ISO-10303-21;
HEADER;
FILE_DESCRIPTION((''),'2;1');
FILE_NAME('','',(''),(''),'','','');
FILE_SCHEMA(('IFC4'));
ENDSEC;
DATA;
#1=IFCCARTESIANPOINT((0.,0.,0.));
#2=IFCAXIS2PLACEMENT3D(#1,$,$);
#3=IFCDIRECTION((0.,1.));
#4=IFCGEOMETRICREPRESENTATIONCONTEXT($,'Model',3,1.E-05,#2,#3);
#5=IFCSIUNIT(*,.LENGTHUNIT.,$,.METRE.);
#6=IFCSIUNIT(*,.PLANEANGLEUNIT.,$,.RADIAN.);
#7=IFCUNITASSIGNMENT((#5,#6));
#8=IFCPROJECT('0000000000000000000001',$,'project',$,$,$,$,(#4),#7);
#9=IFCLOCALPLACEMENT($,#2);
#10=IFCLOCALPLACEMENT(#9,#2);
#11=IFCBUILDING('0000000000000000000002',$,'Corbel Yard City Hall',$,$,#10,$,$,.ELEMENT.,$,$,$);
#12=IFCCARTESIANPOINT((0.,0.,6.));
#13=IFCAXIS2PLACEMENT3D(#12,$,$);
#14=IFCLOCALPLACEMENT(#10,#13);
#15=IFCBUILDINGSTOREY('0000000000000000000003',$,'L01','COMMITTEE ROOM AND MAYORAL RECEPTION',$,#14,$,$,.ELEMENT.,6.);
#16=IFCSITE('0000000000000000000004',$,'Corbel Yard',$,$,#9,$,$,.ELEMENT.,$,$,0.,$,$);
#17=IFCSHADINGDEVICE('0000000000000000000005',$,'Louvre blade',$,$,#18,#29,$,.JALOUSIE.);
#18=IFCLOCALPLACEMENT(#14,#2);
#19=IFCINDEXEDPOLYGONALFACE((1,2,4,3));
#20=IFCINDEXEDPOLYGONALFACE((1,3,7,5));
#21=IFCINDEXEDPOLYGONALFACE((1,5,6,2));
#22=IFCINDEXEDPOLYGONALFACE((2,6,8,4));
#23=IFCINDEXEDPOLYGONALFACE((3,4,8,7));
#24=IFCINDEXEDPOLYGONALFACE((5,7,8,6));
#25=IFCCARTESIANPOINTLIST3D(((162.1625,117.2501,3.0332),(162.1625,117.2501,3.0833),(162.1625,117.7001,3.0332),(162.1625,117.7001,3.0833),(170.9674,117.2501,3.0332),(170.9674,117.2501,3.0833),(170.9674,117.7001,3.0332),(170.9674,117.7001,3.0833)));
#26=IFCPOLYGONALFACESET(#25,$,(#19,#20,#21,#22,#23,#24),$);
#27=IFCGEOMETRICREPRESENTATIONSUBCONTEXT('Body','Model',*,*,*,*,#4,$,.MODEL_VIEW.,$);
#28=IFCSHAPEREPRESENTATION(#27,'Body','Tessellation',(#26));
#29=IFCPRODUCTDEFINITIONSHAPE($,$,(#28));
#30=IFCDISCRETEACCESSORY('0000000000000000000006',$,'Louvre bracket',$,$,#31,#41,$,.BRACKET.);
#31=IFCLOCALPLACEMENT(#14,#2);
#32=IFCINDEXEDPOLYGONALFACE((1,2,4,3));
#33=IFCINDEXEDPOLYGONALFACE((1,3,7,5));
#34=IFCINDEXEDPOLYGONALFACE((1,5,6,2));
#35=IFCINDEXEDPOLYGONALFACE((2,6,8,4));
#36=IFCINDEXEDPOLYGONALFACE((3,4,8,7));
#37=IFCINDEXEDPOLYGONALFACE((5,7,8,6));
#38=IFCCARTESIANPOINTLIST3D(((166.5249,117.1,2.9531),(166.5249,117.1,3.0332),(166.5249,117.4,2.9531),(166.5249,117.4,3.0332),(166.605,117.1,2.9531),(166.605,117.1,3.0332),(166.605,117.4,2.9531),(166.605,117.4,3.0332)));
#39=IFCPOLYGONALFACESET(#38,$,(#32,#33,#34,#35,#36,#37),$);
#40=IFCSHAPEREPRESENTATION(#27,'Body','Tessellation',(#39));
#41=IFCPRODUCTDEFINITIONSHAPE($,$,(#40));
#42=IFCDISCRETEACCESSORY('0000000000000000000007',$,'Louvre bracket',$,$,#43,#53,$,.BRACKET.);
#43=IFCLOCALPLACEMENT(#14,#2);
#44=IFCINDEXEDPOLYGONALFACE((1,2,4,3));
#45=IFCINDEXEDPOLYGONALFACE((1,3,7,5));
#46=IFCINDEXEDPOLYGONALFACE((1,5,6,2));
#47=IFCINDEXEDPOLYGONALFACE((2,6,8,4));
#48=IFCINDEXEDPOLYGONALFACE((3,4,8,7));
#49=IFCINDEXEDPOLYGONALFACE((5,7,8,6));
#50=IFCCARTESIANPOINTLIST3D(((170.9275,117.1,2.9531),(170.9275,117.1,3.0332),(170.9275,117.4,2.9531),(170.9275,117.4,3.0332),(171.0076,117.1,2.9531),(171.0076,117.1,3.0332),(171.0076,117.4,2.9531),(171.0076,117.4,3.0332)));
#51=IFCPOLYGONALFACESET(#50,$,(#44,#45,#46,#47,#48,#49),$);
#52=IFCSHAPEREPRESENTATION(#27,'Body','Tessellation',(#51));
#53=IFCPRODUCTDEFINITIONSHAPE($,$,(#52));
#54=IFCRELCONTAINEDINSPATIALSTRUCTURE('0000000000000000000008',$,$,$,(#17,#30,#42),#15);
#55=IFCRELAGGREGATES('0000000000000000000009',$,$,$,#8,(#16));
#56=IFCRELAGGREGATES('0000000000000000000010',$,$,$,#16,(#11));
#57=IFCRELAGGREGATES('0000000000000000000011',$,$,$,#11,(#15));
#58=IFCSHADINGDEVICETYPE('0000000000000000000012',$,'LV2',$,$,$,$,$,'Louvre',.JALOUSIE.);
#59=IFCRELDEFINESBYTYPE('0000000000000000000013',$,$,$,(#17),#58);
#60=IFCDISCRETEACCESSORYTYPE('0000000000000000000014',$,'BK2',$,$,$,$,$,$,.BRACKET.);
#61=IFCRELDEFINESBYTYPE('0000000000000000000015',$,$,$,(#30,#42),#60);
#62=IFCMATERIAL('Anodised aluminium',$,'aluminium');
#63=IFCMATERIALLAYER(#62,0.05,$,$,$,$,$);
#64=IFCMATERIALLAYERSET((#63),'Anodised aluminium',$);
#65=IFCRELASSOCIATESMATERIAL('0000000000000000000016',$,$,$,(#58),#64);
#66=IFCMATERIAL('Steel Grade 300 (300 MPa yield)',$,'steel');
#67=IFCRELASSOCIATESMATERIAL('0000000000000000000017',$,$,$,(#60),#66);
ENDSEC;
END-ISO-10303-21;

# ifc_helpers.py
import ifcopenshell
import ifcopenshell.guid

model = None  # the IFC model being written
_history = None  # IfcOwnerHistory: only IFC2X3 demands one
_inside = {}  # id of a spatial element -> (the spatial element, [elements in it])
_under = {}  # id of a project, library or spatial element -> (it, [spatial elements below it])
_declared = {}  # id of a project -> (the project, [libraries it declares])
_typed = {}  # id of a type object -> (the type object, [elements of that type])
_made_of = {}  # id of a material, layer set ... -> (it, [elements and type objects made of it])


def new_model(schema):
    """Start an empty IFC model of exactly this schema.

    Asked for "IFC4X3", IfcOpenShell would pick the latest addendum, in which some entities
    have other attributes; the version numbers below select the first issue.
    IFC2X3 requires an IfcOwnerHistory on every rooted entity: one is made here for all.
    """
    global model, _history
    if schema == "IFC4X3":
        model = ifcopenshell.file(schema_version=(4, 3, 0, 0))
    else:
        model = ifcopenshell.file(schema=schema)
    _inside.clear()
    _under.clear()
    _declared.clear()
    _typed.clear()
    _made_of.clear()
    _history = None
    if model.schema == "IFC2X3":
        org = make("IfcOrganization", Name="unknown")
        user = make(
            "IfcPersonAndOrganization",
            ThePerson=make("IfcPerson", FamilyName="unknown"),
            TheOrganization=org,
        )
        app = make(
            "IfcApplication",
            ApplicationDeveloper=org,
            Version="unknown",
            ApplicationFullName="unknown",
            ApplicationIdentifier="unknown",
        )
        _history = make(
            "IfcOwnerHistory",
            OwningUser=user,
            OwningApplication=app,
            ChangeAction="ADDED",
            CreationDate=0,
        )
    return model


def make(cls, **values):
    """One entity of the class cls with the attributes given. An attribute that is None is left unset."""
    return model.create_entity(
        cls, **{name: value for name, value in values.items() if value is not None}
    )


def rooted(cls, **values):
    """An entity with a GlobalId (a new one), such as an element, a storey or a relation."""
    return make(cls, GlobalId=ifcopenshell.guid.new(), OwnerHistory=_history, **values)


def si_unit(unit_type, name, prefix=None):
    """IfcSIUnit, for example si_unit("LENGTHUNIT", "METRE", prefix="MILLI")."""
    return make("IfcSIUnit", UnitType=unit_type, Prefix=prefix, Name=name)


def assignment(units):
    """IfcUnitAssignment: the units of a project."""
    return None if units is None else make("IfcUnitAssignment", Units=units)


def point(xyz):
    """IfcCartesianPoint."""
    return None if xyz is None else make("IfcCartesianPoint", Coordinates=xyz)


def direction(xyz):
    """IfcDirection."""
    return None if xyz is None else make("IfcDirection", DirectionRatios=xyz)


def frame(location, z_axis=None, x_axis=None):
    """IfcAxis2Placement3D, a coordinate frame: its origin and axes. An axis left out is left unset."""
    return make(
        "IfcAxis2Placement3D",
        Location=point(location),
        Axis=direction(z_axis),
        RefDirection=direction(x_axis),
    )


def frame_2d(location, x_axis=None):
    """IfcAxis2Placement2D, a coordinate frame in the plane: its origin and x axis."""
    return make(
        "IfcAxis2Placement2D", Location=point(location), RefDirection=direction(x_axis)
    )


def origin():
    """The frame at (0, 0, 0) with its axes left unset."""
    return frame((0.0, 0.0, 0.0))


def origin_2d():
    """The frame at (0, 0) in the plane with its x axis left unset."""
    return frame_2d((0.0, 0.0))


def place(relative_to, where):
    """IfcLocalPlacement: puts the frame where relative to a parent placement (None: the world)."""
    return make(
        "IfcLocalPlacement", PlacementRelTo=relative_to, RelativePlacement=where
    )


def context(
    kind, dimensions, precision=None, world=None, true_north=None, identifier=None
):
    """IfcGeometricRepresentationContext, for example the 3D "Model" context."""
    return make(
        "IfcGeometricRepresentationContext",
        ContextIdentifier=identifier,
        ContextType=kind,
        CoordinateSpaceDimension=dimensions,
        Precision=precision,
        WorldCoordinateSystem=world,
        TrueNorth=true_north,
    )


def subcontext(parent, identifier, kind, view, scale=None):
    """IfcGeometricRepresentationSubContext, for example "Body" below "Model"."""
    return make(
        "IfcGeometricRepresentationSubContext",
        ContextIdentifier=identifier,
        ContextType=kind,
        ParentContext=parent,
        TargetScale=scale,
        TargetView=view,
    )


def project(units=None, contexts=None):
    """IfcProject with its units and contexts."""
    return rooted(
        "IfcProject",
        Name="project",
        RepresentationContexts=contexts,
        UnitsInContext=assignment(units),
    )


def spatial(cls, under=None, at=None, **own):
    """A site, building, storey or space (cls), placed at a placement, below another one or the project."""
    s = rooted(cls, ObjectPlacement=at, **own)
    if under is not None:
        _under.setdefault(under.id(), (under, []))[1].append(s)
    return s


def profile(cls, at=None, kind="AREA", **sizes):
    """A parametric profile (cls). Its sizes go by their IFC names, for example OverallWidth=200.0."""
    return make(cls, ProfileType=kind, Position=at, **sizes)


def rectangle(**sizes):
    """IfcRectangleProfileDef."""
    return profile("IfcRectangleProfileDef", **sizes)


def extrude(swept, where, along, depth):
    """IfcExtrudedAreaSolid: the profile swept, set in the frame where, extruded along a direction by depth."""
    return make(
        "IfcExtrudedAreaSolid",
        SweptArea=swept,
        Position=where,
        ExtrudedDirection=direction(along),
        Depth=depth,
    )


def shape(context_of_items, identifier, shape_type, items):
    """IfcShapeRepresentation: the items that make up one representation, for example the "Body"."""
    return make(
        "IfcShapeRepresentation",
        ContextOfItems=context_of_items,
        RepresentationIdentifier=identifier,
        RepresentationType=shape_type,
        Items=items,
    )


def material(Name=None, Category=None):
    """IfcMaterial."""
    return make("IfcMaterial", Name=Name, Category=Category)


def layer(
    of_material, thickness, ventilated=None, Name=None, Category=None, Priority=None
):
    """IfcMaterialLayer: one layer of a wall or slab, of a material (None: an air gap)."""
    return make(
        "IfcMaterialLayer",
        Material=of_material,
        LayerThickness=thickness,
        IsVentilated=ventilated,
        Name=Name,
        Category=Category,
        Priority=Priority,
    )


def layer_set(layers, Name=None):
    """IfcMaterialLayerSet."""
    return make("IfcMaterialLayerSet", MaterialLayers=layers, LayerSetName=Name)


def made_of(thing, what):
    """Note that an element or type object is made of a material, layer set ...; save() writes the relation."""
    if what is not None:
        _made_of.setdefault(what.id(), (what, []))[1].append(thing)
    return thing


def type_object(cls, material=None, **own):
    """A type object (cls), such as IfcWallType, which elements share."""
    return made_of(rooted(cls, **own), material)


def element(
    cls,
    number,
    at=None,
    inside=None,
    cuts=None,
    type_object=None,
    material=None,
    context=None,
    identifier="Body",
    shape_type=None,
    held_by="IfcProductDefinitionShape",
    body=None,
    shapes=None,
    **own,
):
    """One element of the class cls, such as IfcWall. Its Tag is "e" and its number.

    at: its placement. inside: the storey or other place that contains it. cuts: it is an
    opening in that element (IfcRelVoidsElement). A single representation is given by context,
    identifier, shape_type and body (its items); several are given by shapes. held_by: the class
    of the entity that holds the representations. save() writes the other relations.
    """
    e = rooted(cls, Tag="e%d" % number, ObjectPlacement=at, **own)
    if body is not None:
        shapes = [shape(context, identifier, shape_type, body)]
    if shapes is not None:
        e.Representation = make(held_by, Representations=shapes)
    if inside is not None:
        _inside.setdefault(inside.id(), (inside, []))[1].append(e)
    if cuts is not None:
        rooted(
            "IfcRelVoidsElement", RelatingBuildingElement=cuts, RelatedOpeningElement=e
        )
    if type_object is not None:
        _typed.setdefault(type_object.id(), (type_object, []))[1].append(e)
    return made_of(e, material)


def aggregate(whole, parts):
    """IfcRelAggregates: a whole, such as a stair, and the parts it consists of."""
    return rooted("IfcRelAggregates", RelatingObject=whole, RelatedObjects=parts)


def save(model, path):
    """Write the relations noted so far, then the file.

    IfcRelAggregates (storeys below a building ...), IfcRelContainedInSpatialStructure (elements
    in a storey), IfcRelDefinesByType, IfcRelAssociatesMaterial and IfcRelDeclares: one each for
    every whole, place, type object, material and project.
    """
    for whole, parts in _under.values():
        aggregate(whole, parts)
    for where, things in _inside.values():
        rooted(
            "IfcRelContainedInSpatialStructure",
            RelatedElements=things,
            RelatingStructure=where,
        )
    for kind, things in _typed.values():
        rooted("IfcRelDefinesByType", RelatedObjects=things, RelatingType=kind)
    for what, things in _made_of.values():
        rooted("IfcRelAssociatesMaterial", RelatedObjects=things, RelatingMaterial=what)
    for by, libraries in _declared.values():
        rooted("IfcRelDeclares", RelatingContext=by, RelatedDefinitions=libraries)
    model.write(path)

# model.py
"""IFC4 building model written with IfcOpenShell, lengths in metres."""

from ifc_helpers import new_model, si_unit, direction, frame, origin, origin_2d, place, context, subcontext, project, spatial, rectangle, extrude, material, layer, layer_set, type_object, element, save


model = new_model("IFC4")

# Units and contexts
model_context = context("Model", 3, precision=1e-05, world=origin(), true_north=direction((0.0, 1.0)))
body_context = subcontext(model_context, "Body", "Model", "MODEL_VIEW")
ifc_project = project(units=[si_unit("LENGTHUNIT", "METRE"), si_unit("PLANEANGLEUNIT", "RADIAN")], contexts=[model_context])

# Site, building, storey
site_placement = place(None, origin())
site = spatial("IfcSite", under=ifc_project, at=site_placement, Name="Corbel Yard", CompositionType="ELEMENT", RefElevation=0.0)
building_placement = place(site_placement, origin())
building = spatial("IfcBuilding", under=site, at=building_placement, Name="Corbel Yard City Hall", CompositionType="ELEMENT")
storey_placement = place(building_placement, frame((0.0, 0.0, 6.0)))
storey = spatial("IfcBuildingStorey", under=building, at=storey_placement, Name="L01", Description="COMMITTEE ROOM AND MAYORAL RECEPTION", CompositionType="ELEMENT", Elevation=6.0)

# Shared definitions
ifc_material_1 = material(Name="Steel Grade 300 (300 MPa yield)", Category="steel")

# Shading device
ifc_material_2 = material(Name="Anodised aluminium", Category="aluminium")
ifc_layer_1 = layer(ifc_material_2, 0.05)
ifc_layer_set_1 = layer_set([ifc_layer_1], Name="Anodised aluminium")
shading_device_type = type_object("IfcShadingDeviceType", Name="LV2", ElementType="Louvre", PredefinedType="JALOUSIE", material=ifc_layer_set_1)
shading_device_placement = place(storey_placement, frame((166.5649, 117.4751, 3.0332), z_axis=(0.0, 0.0, 1.0), x_axis=(1.0, 0.0, 0.0)))
element("IfcShadingDevice", 1, at=shading_device_placement, inside=storey, type_object=shading_device_type, Name="Louvre blade", PredefinedType="JALOUSIE", context=body_context, shape_type="SweptSolid", body=[
    extrude(rectangle(XDim=8.8049, YDim=0.45, at=origin_2d()), origin(), (0.0, 0.0, 1.0), 0.05),
])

- - -

→ **Task to carry out**
Note how many lines in the material hold the word "unknown", and give that number with nothing added.

→ **Answer box**
5